Up to and including the line with "#33=IFCPRODUCTDEFINITIONSHAPE($,$,(#32));", restate the material below word for word, beginning with its first line.

### Data to process

◇ ◇ ◇

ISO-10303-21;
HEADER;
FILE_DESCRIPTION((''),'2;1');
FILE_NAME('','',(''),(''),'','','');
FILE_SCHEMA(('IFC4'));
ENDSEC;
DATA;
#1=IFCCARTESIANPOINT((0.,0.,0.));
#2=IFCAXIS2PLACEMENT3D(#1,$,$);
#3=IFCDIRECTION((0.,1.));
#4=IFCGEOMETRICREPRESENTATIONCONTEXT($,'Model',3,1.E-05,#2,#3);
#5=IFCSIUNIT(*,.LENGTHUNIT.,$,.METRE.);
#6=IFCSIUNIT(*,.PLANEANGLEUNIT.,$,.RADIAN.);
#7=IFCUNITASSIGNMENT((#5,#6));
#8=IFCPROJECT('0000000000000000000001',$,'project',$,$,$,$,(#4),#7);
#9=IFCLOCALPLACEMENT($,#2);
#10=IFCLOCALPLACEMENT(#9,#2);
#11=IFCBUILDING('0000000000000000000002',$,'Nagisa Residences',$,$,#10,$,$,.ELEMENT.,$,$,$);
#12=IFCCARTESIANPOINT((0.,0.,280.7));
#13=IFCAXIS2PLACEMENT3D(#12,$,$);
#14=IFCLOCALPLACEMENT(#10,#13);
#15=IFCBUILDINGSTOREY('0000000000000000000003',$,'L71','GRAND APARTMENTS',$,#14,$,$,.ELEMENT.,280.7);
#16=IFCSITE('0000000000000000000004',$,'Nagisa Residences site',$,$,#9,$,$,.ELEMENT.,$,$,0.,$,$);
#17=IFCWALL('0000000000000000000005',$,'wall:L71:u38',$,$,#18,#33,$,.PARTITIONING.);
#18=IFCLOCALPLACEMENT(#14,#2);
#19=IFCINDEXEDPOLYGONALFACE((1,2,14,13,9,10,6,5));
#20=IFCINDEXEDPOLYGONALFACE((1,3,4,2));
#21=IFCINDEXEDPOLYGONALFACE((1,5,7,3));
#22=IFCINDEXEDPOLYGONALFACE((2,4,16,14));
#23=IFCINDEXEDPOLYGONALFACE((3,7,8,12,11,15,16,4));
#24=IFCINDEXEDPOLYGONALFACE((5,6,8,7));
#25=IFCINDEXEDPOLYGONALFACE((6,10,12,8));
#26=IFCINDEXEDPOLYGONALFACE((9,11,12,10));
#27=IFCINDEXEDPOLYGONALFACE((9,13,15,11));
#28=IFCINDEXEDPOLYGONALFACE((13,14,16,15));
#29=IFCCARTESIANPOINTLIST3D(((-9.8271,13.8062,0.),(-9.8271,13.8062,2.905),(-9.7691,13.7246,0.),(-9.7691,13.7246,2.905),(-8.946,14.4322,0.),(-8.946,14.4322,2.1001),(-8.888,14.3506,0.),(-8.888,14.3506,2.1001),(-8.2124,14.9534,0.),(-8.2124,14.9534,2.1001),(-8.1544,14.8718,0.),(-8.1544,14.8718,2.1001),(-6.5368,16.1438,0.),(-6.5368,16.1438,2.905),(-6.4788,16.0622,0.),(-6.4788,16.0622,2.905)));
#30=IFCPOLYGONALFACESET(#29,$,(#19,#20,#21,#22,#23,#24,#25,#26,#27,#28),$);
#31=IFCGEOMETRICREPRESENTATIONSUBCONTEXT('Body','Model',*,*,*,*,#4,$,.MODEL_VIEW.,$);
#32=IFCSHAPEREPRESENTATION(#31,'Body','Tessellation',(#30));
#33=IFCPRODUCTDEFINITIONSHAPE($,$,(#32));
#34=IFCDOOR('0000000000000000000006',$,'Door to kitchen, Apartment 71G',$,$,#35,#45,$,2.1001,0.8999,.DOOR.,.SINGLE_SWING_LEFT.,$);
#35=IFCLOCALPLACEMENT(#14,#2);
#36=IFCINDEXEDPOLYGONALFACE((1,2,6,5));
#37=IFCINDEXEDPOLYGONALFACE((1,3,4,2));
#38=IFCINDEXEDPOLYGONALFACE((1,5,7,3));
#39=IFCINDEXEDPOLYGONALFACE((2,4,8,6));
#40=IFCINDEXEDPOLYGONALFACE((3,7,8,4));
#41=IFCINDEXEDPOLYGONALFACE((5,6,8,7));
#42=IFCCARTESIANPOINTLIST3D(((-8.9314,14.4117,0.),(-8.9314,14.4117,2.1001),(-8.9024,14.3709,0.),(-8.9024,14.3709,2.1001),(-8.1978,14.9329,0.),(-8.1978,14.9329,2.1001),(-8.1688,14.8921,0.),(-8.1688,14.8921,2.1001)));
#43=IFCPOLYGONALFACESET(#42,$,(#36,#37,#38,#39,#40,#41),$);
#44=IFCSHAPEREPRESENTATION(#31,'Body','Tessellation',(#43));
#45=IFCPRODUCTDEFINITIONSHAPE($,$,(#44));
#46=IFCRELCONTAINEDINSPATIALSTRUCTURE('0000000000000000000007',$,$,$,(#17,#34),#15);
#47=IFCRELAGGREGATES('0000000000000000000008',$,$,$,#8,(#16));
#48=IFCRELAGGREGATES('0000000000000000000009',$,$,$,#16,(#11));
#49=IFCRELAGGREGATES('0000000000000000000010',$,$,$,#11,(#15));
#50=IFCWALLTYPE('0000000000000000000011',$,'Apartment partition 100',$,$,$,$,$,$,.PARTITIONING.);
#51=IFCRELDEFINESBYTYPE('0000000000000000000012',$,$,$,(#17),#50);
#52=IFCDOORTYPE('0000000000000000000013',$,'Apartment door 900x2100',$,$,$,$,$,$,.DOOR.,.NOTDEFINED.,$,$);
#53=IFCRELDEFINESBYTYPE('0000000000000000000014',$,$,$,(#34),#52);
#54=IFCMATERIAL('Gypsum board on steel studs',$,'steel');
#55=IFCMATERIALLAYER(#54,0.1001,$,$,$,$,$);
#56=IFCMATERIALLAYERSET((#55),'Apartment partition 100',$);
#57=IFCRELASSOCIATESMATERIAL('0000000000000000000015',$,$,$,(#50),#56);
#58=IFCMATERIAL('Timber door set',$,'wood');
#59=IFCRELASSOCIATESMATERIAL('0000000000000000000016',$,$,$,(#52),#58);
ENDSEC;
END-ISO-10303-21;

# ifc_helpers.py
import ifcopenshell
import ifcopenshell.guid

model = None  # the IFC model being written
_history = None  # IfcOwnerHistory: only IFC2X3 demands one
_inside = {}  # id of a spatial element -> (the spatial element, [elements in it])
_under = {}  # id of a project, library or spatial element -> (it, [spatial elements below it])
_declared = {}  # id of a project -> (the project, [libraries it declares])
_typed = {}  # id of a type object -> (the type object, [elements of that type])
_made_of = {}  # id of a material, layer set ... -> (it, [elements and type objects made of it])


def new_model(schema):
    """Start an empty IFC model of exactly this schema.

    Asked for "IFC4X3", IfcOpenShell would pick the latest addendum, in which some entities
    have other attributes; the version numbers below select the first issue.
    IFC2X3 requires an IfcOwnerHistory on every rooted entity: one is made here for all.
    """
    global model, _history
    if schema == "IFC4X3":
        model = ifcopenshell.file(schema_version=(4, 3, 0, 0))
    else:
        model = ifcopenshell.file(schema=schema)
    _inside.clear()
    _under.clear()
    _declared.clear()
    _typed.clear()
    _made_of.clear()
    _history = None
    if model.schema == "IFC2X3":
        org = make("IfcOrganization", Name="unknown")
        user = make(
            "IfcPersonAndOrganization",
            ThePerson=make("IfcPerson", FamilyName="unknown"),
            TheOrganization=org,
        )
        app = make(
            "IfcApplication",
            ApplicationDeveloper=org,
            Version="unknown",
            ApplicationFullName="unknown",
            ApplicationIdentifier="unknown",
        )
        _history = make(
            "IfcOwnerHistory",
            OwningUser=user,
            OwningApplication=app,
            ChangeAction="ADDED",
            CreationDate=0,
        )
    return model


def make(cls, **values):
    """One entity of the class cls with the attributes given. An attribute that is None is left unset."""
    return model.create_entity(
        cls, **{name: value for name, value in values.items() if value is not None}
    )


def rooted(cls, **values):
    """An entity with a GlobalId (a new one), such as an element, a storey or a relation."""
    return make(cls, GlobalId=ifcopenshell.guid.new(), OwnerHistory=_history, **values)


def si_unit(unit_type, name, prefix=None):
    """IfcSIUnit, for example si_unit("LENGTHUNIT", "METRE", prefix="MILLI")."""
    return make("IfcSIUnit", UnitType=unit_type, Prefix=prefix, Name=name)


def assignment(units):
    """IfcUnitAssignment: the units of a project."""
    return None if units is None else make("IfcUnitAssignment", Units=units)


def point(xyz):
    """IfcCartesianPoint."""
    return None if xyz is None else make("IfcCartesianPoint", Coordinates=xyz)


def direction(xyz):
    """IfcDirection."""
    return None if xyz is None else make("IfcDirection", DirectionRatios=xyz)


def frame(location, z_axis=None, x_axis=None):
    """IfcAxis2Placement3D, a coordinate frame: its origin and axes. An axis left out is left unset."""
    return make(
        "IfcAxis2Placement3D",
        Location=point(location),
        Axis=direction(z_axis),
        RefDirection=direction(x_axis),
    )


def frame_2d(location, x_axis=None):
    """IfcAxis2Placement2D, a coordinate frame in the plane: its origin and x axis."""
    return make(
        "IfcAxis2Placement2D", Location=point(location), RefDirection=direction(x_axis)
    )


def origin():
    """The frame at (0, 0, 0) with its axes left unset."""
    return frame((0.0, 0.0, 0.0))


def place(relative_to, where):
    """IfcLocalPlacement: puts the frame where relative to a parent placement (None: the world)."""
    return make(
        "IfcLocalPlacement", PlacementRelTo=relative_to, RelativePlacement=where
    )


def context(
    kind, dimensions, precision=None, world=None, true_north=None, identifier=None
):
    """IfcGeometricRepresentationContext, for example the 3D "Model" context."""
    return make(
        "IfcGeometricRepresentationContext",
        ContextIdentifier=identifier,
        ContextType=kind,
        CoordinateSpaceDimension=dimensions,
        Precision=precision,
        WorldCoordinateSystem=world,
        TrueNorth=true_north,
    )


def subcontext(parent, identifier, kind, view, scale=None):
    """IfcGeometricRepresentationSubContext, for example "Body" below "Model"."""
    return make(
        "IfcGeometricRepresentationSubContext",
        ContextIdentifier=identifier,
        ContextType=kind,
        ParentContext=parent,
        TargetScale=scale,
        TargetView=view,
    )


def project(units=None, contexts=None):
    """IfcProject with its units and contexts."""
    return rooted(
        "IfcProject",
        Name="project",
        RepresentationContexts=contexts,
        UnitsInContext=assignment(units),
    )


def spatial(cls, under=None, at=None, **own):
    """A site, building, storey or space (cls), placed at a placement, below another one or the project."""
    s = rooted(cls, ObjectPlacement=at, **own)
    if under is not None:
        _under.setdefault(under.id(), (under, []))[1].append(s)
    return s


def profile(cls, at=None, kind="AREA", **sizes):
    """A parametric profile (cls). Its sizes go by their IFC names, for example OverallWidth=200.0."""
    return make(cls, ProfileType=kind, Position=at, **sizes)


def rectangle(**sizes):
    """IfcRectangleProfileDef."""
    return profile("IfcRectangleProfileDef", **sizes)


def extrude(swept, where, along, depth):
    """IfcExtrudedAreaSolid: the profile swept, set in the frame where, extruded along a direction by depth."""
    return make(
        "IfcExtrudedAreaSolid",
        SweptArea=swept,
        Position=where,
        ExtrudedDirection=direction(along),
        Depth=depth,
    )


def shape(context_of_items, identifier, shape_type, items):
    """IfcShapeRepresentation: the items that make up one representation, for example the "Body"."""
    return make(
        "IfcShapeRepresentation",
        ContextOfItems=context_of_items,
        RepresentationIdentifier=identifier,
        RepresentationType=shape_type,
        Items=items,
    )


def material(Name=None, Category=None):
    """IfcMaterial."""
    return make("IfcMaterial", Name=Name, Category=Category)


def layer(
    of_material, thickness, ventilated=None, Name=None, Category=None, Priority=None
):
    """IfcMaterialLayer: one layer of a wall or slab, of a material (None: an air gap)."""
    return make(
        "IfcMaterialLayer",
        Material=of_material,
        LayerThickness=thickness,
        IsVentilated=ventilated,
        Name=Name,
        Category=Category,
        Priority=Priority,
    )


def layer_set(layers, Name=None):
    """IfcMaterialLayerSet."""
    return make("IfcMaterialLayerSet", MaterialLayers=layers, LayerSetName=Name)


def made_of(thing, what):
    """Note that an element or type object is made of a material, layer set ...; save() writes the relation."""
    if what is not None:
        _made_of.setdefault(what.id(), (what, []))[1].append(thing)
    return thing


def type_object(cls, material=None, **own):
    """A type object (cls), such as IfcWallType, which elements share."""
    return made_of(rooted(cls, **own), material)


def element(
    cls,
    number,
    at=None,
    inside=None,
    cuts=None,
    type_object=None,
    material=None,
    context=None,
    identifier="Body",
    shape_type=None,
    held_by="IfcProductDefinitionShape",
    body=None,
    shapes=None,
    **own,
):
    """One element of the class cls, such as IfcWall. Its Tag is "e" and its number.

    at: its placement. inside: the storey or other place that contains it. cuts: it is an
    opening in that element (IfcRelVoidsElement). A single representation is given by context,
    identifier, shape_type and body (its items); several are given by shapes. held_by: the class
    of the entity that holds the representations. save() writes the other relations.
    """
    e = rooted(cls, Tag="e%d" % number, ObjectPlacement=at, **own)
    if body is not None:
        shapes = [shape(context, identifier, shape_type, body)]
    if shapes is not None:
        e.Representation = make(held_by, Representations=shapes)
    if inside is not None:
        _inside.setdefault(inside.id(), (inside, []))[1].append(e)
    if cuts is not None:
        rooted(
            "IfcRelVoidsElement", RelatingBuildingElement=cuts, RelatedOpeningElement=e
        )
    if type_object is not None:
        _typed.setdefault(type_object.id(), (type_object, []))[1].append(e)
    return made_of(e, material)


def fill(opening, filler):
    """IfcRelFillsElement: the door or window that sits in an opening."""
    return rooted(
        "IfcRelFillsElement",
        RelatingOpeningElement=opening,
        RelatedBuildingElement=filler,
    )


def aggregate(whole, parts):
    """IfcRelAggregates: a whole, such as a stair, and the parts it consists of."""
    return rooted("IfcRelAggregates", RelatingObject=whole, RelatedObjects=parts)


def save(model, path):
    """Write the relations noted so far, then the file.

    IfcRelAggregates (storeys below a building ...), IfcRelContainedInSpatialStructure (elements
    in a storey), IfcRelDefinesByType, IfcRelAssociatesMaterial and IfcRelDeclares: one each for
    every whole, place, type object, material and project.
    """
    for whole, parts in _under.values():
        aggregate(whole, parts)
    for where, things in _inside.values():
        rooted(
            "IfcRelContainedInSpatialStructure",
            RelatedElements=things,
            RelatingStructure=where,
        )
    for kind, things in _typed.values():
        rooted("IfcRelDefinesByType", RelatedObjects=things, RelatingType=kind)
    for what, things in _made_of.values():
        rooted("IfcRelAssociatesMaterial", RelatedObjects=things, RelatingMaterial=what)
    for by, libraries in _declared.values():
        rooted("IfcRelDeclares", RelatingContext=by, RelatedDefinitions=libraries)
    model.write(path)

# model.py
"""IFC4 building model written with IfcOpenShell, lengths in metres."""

from ifc_helpers import new_model, si_unit, direction, frame, frame_2d, origin, place, context, subcontext, project, spatial, rectangle, extrude, material, layer, layer_set, type_object, element, fill, save


model = new_model("IFC4")

# Units and contexts
model_context = context("Model", 3, precision=1e-05, world=origin(), true_north=direction((0.0, 1.0)))
body_context = subcontext(model_context, "Body", "Model", "MODEL_VIEW")
ifc_project = project(units=[si_unit("LENGTHUNIT", "METRE"), si_unit("PLANEANGLEUNIT", "RADIAN")], contexts=[model_context])

# Site, building, storey
site_placement = place(None, origin())
site = spatial("IfcSite", under=ifc_project, at=site_placement, Name="Nagisa Residences site", CompositionType="ELEMENT", RefElevation=0.0)
building_placement = place(site_placement, origin())
building = spatial("IfcBuilding", under=site, at=building_placement, Name="Nagisa Residences", CompositionType="ELEMENT")
storey_placement = place(building_placement, frame((0.0, 0.0, 280.7)))
storey = spatial("IfcBuildingStorey", under=building, at=storey_placement, Name="L71", Description="GRAND APARTMENTS", CompositionType="ELEMENT", Elevation=280.7)

# Wall, opening, door
ifc_material_1 = material(Name="Gypsum board on steel studs", Category="steel")
ifc_layer_1 = layer(ifc_material_1, 0.1001)
ifc_layer_set_1 = layer_set([ifc_layer_1], Name="Apartment partition 100")
wall_type_1 = type_object("IfcWallType", Name="Apartment partition 100", PredefinedType="PARTITIONING", material=ifc_layer_set_1)
ifc_material_2 = material(Name="Timber door set", Category="wood")
door_type_1 = type_object("IfcDoorType", Name="Apartment door 900x2100", OperationType="NOTDEFINED", PredefinedType="DOOR", material=ifc_material_2)
wall_1_placement = place(storey_placement, frame((-6.5078, 16.103, 0.0), z_axis=(0.0, 0.0, 1.0), x_axis=(-0.815202, -0.579176, 0.0)))
wall_1 = element("IfcWall", 1, at=wall_1_placement, inside=storey, type_object=wall_type_1, Name="wall:L71:u38", PredefinedType="PARTITIONING", context=body_context, shape_type="SweptSolid", body=[
    extrude(rectangle(XDim=4.0361, YDim=0.1001, at=frame_2d((2.0181, 0.0))), origin(), (0.0, 0.0, 1.0), 2.905),
])
opening_1_placement = place(wall_1_placement, frame((2.0554, 0.0, 0.0)))
opening_1 = element("IfcOpeningElement", 2, at=opening_1_placement, cuts=wall_1, PredefinedType="OPENING", context=body_context, shape_type="SweptSolid", body=[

◇ ◇ ◇

### Problem solution
ISO-10303-21;
HEADER;
FILE_DESCRIPTION((''),'2;1');
FILE_NAME('','',(''),(''),'','','');
FILE_SCHEMA(('IFC4'));
ENDSEC;
DATA;
#1=IFCCARTESIANPOINT((0.,0.,0.));
#2=IFCAXIS2PLACEMENT3D(#1,$,$);
#3=IFCDIRECTION((0.,1.));
#4=IFCGEOMETRICREPRESENTATIONCONTEXT($,'Model',3,1.E-05,#2,#3);
#5=IFCSIUNIT(*,.LENGTHUNIT.,$,.METRE.);
#6=IFCSIUNIT(*,.PLANEANGLEUNIT.,$,.RADIAN.);
#7=IFCUNITASSIGNMENT((#5,#6));
#8=IFCPROJECT('0000000000000000000001',$,'project',$,$,$,$,(#4),#7);
#9=IFCLOCALPLACEMENT($,#2);
#10=IFCLOCALPLACEMENT(#9,#2);
#11=IFCBUILDING('0000000000000000000002',$,'Nagisa Residences',$,$,#10,$,$,.ELEMENT.,$,$,$);
#12=IFCCARTESIANPOINT((0.,0.,280.7));
#13=IFCAXIS2PLACEMENT3D(#12,$,$);
#14=IFCLOCALPLACEMENT(#10,#13);
#15=IFCBUILDINGSTOREY('0000000000000000000003',$,'L71','GRAND APARTMENTS',$,#14,$,$,.ELEMENT.,280.7);
#16=IFCSITE('0000000000000000000004',$,'Nagisa Residences site',$,$,#9,$,$,.ELEMENT.,$,$,0.,$,$);
#17=IFCWALL('0000000000000000000005',$,'wall:L71:u38',$,$,#18,#33,$,.PARTITIONING.);
#18=IFCLOCALPLACEMENT(#14,#2);
#19=IFCINDEXEDPOLYGONALFACE((1,2,14,13,9,10,6,5));
#20=IFCINDEXEDPOLYGONALFACE((1,3,4,2));
#21=IFCINDEXEDPOLYGONALFACE((1,5,7,3));
#22=IFCINDEXEDPOLYGONALFACE((2,4,16,14));
#23=IFCINDEXEDPOLYGONALFACE((3,7,8,12,11,15,16,4));
#24=IFCINDEXEDPOLYGONALFACE((5,6,8,7));
#25=IFCINDEXEDPOLYGONALFACE((6,10,12,8));
#26=IFCINDEXEDPOLYGONALFACE((9,11,12,10));
#27=IFCINDEXEDPOLYGONALFACE((9,13,15,11));
#28=IFCINDEXEDPOLYGONALFACE((13,14,16,15));
#29=IFCCARTESIANPOINTLIST3D(((-9.8271,13.8062,0.),(-9.8271,13.8062,2.905),(-9.7691,13.7246,0.),(-9.7691,13.7246,2.905),(-8.946,14.4322,0.),(-8.946,14.4322,2.1001),(-8.888,14.3506,0.),(-8.888,14.3506,2.1001),(-8.2124,14.9534,0.),(-8.2124,14.9534,2.1001),(-8.1544,14.8718,0.),(-8.1544,14.8718,2.1001),(-6.5368,16.1438,0.),(-6.5368,16.1438,2.905),(-6.4788,16.0622,0.),(-6.4788,16.0622,2.905)));
#30=IFCPOLYGONALFACESET(#29,$,(#19,#20,#21,#22,#23,#24,#25,#26,#27,#28),$);
#31=IFCGEOMETRICREPRESENTATIONSUBCONTEXT('Body','Model',*,*,*,*,#4,$,.MODEL_VIEW.,$);
#32=IFCSHAPEREPRESENTATION(#31,'Body','Tessellation',(#30));
#33=IFCPRODUCTDEFINITIONSHAPE($,$,(#32));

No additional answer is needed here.